Data excerpts:
# # # #

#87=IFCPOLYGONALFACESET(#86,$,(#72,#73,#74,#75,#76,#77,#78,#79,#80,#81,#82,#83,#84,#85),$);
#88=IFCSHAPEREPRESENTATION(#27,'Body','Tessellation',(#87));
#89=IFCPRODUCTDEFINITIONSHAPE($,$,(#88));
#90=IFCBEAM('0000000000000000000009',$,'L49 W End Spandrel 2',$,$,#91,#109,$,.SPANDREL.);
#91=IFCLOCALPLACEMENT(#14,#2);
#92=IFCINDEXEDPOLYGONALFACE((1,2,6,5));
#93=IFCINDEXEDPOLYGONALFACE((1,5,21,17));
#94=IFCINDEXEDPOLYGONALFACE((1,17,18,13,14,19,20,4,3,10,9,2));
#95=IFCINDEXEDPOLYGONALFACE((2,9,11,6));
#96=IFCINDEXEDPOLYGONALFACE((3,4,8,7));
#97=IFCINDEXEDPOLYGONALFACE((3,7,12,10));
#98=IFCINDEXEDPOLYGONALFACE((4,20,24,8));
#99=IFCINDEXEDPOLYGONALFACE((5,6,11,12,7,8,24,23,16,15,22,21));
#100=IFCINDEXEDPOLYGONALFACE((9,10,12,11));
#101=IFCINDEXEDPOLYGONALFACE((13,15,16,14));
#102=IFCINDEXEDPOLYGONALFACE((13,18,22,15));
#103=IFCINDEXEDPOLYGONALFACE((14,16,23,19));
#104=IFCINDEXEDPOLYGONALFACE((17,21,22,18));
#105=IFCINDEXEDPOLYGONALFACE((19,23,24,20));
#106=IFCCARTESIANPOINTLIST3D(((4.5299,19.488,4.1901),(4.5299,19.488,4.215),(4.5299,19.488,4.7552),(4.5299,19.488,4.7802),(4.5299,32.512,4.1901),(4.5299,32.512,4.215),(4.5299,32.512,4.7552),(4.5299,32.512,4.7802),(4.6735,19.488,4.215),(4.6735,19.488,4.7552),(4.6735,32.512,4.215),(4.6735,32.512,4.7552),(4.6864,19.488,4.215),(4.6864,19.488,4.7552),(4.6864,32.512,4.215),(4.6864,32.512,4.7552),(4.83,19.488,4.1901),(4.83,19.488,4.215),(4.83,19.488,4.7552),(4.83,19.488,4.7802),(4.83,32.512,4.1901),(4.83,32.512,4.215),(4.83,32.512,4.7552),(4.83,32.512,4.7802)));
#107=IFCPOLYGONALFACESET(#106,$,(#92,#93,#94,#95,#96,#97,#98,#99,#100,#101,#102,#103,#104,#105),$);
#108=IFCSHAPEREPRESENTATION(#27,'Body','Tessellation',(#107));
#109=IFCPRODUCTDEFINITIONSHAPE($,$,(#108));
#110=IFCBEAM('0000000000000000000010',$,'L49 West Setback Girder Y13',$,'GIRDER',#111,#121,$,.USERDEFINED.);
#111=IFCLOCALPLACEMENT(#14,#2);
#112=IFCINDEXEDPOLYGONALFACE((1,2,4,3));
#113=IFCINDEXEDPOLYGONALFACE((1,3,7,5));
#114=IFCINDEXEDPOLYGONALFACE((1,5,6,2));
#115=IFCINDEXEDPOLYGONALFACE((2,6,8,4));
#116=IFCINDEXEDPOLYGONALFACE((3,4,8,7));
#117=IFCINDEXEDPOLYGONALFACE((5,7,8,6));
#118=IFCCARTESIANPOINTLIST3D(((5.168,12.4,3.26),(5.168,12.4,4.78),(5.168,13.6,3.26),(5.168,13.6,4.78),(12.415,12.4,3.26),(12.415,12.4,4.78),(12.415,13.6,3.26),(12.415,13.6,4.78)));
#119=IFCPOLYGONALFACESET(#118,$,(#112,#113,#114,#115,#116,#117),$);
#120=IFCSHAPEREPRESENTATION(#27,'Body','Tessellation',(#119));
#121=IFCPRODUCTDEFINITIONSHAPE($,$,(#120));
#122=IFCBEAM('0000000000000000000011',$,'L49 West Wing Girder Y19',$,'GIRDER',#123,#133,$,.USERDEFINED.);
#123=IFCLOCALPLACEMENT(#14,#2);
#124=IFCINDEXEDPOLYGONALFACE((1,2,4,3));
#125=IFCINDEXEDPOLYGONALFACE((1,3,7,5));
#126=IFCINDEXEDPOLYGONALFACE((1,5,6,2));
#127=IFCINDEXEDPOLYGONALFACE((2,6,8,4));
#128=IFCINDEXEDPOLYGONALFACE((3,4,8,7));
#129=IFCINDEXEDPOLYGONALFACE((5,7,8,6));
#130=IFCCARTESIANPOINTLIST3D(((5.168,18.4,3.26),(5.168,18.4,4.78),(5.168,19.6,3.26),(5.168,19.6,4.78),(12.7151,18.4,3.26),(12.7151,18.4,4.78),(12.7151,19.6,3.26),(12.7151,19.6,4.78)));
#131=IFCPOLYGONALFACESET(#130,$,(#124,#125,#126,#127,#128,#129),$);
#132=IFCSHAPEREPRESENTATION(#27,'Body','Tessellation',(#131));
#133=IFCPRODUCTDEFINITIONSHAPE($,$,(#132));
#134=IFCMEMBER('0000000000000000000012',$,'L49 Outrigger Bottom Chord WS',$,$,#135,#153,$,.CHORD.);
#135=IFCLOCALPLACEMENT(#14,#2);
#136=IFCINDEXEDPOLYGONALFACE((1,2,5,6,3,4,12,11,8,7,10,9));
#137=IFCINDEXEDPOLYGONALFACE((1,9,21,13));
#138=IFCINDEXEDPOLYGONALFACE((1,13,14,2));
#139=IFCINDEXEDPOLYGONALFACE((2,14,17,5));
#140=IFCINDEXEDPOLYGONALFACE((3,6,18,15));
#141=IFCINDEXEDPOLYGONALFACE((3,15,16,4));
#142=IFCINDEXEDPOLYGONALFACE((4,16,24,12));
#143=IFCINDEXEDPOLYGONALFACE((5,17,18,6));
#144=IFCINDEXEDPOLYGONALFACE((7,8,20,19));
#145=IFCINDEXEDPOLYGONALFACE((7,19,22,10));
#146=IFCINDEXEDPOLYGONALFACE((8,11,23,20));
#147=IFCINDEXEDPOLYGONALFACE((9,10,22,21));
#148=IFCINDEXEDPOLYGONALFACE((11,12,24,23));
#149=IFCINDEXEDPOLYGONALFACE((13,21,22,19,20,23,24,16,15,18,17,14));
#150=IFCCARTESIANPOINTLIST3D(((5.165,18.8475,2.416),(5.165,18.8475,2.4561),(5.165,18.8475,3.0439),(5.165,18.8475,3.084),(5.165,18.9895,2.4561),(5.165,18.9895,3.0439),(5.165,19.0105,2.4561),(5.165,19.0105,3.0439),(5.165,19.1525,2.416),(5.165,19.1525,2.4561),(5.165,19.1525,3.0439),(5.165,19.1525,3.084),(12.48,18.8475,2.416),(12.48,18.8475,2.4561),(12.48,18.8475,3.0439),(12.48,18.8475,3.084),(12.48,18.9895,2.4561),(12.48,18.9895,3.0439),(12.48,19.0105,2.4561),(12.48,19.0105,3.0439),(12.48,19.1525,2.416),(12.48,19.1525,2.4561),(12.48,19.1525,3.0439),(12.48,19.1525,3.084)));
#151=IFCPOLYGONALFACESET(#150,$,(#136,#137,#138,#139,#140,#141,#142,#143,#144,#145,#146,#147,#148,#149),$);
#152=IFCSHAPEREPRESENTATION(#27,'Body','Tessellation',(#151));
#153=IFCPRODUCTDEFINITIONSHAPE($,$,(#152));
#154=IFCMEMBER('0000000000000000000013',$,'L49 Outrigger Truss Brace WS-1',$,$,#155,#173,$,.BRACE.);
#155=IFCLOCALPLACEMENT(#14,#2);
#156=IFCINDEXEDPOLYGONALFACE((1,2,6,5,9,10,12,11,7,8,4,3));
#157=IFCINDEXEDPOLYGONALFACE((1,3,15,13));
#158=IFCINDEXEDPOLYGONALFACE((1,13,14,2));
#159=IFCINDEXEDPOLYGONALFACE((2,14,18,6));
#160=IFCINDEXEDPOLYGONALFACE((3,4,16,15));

# # # #

Aim of the task:
Copy each line exactly, from the line containing "#153=IFCPRODUCTDEFINITIONSHAPE($,$,(#152));" down to the last line of the material, and no other lines.

Solution to this problem:
#153=IFCPRODUCTDEFINITIONSHAPE($,$,(#152));
#154=IFCMEMBER('0000000000000000000013',$,'L49 Outrigger Truss Brace WS-1',$,$,#155,#173,$,.BRACE.);
#155=IFCLOCALPLACEMENT(#14,#2);
#156=IFCINDEXEDPOLYGONALFACE((1,2,6,5,9,10,12,11,7,8,4,3));
#157=IFCINDEXEDPOLYGONALFACE((1,3,15,13));
#158=IFCINDEXEDPOLYGONALFACE((1,13,14,2));
#159=IFCINDEXEDPOLYGONALFACE((2,14,18,6));
#160=IFCINDEXEDPOLYGONALFACE((3,4,16,15));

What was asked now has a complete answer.